Saved entries.
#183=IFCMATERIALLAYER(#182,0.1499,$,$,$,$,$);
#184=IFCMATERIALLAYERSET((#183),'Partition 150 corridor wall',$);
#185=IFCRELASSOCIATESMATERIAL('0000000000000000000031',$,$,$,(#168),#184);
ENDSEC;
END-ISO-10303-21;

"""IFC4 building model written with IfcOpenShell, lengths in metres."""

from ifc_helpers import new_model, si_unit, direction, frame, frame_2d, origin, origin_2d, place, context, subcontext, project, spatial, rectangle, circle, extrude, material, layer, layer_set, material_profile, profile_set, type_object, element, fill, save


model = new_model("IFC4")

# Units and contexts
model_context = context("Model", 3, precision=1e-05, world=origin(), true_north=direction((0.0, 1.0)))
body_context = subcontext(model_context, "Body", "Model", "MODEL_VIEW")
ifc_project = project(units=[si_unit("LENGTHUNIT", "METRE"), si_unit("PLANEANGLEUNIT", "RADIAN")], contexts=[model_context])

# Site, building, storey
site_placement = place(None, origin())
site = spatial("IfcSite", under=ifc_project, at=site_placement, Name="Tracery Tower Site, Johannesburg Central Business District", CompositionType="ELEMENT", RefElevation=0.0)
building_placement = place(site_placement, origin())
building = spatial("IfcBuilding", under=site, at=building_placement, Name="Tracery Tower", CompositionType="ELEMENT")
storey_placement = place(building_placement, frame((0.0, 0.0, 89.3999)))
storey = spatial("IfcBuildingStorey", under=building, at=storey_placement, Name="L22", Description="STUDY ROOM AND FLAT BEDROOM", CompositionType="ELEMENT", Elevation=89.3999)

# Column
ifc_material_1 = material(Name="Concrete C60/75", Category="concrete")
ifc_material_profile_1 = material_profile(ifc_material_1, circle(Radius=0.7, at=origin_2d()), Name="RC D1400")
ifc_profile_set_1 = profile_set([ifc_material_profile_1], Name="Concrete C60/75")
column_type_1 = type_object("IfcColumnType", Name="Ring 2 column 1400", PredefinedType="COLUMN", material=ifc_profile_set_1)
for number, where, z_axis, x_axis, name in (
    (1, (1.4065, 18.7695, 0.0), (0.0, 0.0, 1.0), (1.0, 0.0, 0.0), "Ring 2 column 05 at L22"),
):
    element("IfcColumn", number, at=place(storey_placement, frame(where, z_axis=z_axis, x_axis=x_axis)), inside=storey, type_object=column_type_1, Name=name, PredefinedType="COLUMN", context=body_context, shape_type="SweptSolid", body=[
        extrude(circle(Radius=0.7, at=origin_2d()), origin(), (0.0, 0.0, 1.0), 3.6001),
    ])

---

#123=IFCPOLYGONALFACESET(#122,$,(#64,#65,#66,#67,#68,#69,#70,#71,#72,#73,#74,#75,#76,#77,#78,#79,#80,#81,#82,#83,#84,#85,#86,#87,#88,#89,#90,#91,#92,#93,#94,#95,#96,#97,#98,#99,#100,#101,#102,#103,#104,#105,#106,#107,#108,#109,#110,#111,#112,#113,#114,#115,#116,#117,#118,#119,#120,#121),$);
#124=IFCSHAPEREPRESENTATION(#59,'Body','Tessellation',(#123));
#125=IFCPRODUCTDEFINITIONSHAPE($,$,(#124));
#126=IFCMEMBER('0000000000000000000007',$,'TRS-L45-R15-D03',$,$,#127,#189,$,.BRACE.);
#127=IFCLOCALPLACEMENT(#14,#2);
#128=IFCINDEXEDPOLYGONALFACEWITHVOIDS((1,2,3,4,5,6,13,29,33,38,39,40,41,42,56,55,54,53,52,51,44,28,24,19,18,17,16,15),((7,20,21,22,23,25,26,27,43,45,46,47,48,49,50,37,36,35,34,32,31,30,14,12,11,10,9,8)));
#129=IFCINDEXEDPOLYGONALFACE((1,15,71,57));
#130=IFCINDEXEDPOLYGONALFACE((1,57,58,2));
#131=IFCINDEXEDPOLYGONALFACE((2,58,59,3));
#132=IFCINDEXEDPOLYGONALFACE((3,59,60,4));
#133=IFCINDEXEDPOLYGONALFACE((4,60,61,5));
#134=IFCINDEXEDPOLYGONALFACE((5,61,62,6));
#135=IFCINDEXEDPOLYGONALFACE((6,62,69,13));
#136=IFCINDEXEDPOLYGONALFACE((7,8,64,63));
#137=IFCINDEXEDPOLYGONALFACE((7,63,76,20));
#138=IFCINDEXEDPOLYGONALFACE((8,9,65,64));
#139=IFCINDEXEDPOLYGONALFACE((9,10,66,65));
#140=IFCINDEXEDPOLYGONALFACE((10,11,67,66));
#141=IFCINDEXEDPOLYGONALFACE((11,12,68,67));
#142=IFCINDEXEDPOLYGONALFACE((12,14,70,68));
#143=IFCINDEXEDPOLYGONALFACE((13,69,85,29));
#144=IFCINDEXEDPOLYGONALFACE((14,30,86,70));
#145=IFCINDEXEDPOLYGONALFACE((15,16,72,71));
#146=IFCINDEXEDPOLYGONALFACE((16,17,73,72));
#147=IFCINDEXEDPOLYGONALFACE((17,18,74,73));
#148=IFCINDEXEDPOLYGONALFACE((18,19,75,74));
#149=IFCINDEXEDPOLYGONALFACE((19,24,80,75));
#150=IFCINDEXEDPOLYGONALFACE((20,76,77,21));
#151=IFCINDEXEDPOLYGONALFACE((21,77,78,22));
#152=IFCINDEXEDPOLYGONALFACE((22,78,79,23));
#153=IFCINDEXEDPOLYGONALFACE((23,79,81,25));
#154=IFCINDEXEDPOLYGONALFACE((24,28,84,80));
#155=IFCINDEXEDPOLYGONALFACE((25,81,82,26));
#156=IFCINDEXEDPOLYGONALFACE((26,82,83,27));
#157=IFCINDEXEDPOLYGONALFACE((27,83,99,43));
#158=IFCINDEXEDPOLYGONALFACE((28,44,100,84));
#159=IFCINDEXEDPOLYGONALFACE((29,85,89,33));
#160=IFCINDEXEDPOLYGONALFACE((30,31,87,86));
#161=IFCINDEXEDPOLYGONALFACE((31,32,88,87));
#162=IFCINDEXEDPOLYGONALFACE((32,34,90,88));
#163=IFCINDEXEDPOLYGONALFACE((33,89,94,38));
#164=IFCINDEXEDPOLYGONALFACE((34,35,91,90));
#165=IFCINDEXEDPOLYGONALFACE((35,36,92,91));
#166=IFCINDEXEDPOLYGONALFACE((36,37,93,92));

ASSIGNED TASK.
Please copy, exactly and with nothing else, the lines above beginning at the line that has "#138=IFCINDEXEDPOLYGONALFACE((8,9,65,64));" and ending with the line that has "#166=IFCINDEXEDPOLYGONALFACE((36,37,93,92));".

TASK ANSWER.
#138=IFCINDEXEDPOLYGONALFACE((8,9,65,64));
#139=IFCINDEXEDPOLYGONALFACE((9,10,66,65));
#140=IFCINDEXEDPOLYGONALFACE((10,11,67,66));
#141=IFCINDEXEDPOLYGONALFACE((11,12,68,67));
#142=IFCINDEXEDPOLYGONALFACE((12,14,70,68));
#143=IFCINDEXEDPOLYGONALFACE((13,69,85,29));
#144=IFCINDEXEDPOLYGONALFACE((14,30,86,70));
#145=IFCINDEXEDPOLYGONALFACE((15,16,72,71));
#146=IFCINDEXEDPOLYGONALFACE((16,17,73,72));
#147=IFCINDEXEDPOLYGONALFACE((17,18,74,73));
#148=IFCINDEXEDPOLYGONALFACE((18,19,75,74));
#149=IFCINDEXEDPOLYGONALFACE((19,24,80,75));
#150=IFCINDEXEDPOLYGONALFACE((20,76,77,21));
#151=IFCINDEXEDPOLYGONALFACE((21,77,78,22));
#152=IFCINDEXEDPOLYGONALFACE((22,78,79,23));
#153=IFCINDEXEDPOLYGONALFACE((23,79,81,25));
#154=IFCINDEXEDPOLYGONALFACE((24,28,84,80));
#155=IFCINDEXEDPOLYGONALFACE((25,81,82,26));
#156=IFCINDEXEDPOLYGONALFACE((26,82,83,27));
#157=IFCINDEXEDPOLYGONALFACE((27,83,99,43));
#158=IFCINDEXEDPOLYGONALFACE((28,44,100,84));
#159=IFCINDEXEDPOLYGONALFACE((29,85,89,33));
#160=IFCINDEXEDPOLYGONALFACE((30,31,87,86));
#161=IFCINDEXEDPOLYGONALFACE((31,32,88,87));
#162=IFCINDEXEDPOLYGONALFACE((32,34,90,88));
#163=IFCINDEXEDPOLYGONALFACE((33,89,94,38));
#164=IFCINDEXEDPOLYGONALFACE((34,35,91,90));
#165=IFCINDEXEDPOLYGONALFACE((35,36,92,91));
#166=IFCINDEXEDPOLYGONALFACE((36,37,93,92));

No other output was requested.